Stored items

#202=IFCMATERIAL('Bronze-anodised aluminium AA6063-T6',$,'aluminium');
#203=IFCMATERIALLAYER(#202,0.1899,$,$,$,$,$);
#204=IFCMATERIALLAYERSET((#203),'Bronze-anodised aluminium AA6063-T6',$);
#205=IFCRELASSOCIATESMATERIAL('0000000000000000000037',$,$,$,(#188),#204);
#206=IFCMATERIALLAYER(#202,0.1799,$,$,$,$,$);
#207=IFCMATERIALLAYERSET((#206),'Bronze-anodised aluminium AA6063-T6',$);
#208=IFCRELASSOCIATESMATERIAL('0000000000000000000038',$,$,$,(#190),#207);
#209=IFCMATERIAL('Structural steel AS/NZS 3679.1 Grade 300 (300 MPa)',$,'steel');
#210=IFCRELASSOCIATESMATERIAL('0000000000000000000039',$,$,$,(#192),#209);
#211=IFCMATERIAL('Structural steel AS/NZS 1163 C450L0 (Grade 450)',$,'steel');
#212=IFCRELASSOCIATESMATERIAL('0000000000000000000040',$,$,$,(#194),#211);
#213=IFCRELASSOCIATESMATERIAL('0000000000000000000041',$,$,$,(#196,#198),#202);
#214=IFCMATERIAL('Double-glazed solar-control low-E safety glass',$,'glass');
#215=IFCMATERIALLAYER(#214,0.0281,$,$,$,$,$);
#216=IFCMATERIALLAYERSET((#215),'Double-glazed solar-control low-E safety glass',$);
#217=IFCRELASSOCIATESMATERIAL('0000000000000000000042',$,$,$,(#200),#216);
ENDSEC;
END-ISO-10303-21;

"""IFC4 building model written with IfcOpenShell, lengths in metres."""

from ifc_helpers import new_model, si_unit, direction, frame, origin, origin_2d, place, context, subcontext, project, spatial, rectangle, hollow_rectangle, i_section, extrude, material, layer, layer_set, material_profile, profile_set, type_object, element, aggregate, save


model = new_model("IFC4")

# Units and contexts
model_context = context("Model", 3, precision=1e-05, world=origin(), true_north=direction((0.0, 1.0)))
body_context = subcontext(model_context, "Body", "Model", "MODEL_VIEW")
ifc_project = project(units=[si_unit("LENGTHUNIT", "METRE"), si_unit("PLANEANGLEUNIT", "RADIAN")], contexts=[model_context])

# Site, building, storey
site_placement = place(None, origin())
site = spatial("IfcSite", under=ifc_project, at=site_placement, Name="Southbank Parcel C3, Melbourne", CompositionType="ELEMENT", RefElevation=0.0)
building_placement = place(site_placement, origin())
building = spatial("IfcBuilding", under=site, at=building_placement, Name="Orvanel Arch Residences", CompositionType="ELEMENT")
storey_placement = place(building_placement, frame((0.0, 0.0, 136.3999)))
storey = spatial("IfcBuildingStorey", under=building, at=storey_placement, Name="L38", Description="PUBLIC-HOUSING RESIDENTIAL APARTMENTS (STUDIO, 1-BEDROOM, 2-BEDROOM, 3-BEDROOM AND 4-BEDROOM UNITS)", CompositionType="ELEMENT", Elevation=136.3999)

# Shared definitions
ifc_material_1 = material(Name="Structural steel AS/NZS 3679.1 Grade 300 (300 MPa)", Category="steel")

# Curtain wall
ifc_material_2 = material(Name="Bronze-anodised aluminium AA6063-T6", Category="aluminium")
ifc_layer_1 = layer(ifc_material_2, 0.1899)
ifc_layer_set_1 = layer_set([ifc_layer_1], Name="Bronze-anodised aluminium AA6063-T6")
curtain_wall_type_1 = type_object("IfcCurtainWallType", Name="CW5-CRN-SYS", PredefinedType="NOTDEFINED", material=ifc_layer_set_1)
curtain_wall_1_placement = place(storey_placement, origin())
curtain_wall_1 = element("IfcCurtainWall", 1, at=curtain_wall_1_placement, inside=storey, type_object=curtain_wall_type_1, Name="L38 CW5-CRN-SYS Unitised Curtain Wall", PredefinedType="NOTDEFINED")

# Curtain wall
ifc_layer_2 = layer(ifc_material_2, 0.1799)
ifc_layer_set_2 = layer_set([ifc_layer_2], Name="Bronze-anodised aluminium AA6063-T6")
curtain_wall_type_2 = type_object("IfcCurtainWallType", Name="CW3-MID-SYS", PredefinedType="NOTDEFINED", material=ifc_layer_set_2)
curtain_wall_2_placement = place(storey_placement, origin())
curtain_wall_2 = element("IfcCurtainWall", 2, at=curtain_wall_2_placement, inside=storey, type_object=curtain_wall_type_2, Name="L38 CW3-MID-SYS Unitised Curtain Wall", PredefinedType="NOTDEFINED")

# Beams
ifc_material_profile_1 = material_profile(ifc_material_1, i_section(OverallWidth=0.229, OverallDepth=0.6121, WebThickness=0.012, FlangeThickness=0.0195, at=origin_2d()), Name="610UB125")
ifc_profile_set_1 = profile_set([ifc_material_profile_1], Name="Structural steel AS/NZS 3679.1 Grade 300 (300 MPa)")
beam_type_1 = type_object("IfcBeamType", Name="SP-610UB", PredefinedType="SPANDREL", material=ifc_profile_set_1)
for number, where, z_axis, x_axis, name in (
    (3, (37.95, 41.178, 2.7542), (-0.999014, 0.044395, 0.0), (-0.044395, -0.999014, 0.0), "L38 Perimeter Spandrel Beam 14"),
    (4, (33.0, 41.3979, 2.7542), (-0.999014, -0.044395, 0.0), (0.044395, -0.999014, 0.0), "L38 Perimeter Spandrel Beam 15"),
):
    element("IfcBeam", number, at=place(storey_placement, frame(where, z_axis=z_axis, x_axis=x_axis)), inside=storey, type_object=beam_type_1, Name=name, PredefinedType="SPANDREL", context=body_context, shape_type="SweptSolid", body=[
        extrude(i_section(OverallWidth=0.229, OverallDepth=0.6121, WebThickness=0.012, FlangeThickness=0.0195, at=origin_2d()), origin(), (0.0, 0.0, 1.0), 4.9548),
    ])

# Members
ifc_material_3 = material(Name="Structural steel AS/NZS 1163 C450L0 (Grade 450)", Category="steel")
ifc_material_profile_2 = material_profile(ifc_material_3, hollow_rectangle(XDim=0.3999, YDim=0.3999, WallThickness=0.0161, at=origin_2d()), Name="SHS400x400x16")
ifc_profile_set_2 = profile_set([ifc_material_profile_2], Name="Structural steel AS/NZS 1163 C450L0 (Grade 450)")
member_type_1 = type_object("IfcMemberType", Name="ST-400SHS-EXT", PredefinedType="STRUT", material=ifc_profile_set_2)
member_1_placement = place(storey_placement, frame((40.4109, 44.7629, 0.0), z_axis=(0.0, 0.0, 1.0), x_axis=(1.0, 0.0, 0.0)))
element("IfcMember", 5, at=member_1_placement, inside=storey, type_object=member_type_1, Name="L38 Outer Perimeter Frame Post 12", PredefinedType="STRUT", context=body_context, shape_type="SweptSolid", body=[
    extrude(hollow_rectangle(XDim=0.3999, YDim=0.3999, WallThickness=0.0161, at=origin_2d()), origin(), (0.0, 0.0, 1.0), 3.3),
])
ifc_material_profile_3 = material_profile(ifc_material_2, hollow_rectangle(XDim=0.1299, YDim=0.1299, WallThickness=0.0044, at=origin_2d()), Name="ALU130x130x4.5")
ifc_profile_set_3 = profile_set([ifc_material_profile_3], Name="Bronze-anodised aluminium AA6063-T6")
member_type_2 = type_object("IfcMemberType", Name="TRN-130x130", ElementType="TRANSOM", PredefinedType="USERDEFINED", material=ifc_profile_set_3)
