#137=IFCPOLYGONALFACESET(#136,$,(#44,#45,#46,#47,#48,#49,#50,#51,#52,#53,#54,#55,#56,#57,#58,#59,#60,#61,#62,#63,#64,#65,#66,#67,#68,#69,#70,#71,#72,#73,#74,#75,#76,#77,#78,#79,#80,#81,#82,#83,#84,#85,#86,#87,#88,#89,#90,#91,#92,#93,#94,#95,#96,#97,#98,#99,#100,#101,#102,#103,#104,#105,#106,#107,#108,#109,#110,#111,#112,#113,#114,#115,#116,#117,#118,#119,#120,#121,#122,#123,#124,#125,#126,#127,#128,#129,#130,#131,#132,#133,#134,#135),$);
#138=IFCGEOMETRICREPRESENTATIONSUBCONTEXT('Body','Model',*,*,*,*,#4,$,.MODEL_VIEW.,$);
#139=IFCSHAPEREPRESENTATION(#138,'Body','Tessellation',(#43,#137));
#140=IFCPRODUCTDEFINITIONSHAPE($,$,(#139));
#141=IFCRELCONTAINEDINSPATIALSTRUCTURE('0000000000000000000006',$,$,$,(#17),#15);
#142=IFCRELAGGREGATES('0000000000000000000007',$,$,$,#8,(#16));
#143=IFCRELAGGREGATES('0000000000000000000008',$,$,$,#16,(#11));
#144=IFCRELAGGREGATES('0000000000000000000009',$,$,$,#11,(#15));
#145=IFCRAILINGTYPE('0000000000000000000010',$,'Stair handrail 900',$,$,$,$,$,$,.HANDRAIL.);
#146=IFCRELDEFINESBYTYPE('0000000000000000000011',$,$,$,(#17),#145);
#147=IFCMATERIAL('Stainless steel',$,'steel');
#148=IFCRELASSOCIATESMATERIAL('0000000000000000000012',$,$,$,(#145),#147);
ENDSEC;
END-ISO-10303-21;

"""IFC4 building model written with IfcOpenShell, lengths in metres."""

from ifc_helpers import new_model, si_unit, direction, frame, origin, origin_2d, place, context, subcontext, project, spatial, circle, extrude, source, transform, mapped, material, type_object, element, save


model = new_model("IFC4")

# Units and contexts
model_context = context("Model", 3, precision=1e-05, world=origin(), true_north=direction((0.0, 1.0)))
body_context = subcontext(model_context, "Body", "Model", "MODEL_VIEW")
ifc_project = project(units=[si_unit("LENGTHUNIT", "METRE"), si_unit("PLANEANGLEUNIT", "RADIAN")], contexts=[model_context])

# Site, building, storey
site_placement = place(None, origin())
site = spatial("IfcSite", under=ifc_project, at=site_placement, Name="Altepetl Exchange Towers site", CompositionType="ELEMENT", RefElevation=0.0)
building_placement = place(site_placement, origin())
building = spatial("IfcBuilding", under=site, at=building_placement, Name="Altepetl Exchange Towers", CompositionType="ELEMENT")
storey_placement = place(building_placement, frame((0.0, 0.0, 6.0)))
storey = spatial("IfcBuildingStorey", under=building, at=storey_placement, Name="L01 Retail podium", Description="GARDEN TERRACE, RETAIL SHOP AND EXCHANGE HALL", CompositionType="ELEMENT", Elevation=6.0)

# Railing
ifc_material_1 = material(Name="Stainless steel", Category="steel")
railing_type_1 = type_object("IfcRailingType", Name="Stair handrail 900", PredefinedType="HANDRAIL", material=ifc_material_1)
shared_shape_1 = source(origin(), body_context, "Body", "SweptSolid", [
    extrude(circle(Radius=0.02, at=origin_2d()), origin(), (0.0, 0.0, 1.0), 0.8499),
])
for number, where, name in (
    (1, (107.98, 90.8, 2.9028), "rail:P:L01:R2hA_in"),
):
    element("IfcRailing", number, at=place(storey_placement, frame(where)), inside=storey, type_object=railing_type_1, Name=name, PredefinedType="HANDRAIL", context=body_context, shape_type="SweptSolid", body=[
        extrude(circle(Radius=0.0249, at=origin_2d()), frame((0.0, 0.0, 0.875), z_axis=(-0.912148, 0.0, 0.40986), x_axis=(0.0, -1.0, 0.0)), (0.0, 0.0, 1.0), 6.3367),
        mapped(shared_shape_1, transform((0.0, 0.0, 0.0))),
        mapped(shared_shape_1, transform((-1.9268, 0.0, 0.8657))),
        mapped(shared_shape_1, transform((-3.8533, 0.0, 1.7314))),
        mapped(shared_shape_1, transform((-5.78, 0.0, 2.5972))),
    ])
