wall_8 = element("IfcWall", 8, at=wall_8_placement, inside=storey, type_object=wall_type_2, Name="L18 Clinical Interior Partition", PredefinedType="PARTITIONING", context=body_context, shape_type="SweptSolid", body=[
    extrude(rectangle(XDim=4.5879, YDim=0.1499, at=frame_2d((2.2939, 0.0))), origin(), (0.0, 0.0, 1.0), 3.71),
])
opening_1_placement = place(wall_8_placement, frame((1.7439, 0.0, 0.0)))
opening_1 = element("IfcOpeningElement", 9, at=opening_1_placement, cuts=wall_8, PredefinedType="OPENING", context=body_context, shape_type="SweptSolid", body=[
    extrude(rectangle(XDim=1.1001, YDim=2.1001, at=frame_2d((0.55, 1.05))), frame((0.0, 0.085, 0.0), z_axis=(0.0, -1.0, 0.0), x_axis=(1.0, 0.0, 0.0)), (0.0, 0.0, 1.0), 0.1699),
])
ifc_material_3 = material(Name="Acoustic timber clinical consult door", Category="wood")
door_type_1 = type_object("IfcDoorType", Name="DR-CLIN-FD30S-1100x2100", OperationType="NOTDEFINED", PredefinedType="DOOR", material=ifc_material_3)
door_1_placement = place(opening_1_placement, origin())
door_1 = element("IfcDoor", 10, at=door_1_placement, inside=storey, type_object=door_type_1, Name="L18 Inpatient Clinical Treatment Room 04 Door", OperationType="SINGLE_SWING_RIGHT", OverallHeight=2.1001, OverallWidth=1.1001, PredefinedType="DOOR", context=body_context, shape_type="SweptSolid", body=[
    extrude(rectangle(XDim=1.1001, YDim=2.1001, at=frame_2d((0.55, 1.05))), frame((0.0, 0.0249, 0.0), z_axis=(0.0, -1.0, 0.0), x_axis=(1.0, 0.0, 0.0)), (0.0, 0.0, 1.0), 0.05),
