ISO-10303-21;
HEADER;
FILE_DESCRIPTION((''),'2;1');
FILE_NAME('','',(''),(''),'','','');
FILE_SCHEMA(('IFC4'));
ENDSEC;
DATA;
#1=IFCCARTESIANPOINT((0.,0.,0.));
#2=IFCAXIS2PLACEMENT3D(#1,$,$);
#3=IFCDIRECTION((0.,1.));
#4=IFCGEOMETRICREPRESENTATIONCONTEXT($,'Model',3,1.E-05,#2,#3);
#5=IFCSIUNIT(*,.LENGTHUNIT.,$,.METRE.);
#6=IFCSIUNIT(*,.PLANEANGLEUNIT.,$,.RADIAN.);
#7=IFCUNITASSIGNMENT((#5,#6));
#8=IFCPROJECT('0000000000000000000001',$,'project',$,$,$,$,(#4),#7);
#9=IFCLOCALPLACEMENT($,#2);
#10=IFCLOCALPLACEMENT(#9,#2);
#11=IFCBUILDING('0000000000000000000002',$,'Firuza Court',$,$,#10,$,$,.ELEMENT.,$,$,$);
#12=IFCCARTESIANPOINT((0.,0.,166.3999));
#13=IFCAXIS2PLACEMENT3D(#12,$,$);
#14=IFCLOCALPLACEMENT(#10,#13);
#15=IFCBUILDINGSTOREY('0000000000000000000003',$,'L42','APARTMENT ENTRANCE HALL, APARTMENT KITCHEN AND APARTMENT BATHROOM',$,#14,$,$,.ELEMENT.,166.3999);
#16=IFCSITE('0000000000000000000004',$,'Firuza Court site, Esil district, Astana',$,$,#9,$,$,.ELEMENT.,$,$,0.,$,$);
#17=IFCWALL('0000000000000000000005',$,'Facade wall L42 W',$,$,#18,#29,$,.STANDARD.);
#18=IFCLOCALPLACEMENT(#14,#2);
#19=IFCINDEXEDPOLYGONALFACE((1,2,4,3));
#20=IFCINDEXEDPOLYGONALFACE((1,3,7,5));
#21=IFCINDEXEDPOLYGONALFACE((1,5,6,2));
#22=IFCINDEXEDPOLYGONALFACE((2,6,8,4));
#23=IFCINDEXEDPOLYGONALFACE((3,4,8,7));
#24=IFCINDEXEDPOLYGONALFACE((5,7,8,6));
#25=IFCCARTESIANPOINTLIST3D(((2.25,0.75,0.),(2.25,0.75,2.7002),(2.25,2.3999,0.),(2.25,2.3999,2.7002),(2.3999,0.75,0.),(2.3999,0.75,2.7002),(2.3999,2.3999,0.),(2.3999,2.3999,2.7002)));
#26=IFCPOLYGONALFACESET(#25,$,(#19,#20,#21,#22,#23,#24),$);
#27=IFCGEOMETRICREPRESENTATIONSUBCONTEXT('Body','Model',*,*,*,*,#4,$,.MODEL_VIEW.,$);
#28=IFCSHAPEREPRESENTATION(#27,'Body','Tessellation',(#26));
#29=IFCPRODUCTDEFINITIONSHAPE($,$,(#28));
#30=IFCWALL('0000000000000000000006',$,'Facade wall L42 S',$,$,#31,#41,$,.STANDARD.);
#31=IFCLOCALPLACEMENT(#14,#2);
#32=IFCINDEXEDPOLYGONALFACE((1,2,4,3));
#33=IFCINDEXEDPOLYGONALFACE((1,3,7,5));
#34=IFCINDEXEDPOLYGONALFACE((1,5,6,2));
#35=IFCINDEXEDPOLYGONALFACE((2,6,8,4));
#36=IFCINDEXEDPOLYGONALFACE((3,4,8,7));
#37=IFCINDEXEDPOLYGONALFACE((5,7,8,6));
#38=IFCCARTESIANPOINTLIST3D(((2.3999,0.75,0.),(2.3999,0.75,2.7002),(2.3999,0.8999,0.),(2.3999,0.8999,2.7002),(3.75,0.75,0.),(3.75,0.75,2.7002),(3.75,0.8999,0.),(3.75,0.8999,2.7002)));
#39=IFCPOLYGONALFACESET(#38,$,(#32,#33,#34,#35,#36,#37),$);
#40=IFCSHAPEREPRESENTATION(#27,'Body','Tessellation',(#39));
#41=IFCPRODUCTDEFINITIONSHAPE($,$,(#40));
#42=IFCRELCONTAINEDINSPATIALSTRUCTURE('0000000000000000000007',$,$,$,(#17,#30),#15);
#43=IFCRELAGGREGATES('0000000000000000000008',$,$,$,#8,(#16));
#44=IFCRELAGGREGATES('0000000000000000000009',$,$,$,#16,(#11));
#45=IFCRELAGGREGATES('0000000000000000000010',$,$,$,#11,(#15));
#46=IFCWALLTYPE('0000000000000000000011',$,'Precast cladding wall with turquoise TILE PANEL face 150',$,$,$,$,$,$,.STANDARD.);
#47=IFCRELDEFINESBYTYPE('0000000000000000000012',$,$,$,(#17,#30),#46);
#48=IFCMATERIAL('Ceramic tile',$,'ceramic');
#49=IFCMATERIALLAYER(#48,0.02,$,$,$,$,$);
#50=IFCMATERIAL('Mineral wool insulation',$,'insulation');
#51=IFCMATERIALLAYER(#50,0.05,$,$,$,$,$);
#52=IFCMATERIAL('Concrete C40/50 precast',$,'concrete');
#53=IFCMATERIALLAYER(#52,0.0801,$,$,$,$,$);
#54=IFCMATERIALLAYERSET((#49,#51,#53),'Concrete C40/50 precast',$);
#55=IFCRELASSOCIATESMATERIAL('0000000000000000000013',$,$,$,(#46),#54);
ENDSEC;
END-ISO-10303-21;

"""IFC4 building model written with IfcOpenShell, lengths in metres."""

from ifc_helpers import new_model, si_unit, direction, frame, frame_2d, origin, place, context, subcontext, project, spatial, rectangle, extrude, material, layer, layer_set, type_object, element, save


model = new_model("IFC4")

# Units and contexts
model_context = context("Model", 3, precision=1e-05, world=origin(), true_north=direction((0.0, 1.0)))
body_context = subcontext(model_context, "Body", "Model", "MODEL_VIEW")
ifc_project = project(units=[si_unit("LENGTHUNIT", "METRE"), si_unit("PLANEANGLEUNIT", "RADIAN")], contexts=[model_context])

# Site, building, storey
site_placement = place(None, origin())
site = spatial("IfcSite", under=ifc_project, at=site_placement, Name="Firuza Court site, Esil district, Astana", CompositionType="ELEMENT", RefElevation=0.0)
building_placement = place(site_placement, origin())
building = spatial("IfcBuilding", under=site, at=building_placement, Name="Firuza Court", CompositionType="ELEMENT")
storey_placement = place(building_placement, frame((0.0, 0.0, 166.3999)))
storey = spatial("IfcBuildingStorey", under=building, at=storey_placement, Name="L42", Description="APARTMENT ENTRANCE HALL, APARTMENT KITCHEN AND APARTMENT BATHROOM", CompositionType="ELEMENT", Elevation=166.3999)

# Shared definitions
ifc_material_1 = material(Name="Concrete C40/50 precast", Category="concrete")

# Walls
ifc_material_2 = material(Name="Ceramic tile", Category="ceramic")
ifc_layer_1 = layer(ifc_material_2, 0.02)
ifc_material_3 = material(Name="Mineral wool insulation", Category="insulation")
ifc_layer_2 = layer(ifc_material_3, 0.05)
ifc_layer_3 = layer(ifc_material_1, 0.0801)
ifc_layer_set_1 = layer_set([ifc_layer_1, ifc_layer_2, ifc_layer_3], Name="Concrete C40/50 precast")
wall_type_1 = type_object("IfcWallType", Name="Precast cladding wall with turquoise TILE PANEL face 150", PredefinedType="STANDARD", material=ifc_layer_set_1)
wall_1_placement = place(storey_placement, frame((2.325, 2.3999, 0.0), z_axis=(0.0, 0.0, 1.0), x_axis=(0.0, -1.0, 0.0)))
element("IfcWall", 1, at=wall_1_placement, inside=storey, type_object=wall_type_1, Name="Facade wall L42 W", PredefinedType="STANDARD", context=body_context, shape_type="SweptSolid", body=[
    extrude(rectangle(XDim=1.6499, YDim=0.1499, at=frame_2d((0.825, 0.0))), origin(), (0.0, 0.0, 1.0), 2.7002),
])
wall_2_placement = place(storey_placement, frame((2.3999, 0.825, 0.0), z_axis=(0.0, 0.0, 1.0), x_axis=(1.0, 0.0, 0.0)))
element("IfcWall", 2, at=wall_2_placement, inside=storey, type_object=wall_type_1, Name="Facade wall L42 S", PredefinedType="STANDARD", context=body_context, shape_type="SweptSolid", body=[
    extrude(rectangle(XDim=1.3501, YDim=0.1499, at=frame_2d((0.675, 0.0))), origin(), (0.0, 0.0, 1.0), 2.7002),
])

save(model, "model.ifc")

Task to complete:
Every line in the data above that includes the word "IFCGEOMETRICREPRESENTATIONSUBCONTEXT" should be copied.

Written reply:
#138=IFCGEOMETRICREPRESENTATIONSUBCONTEXT('Body','Model',*,*,*,*,#4,$,.MODEL_VIEW.,$);
#27=IFCGEOMETRICREPRESENTATIONSUBCONTEXT('Body','Model',*,*,*,*,#4,$,.MODEL_VIEW.,$);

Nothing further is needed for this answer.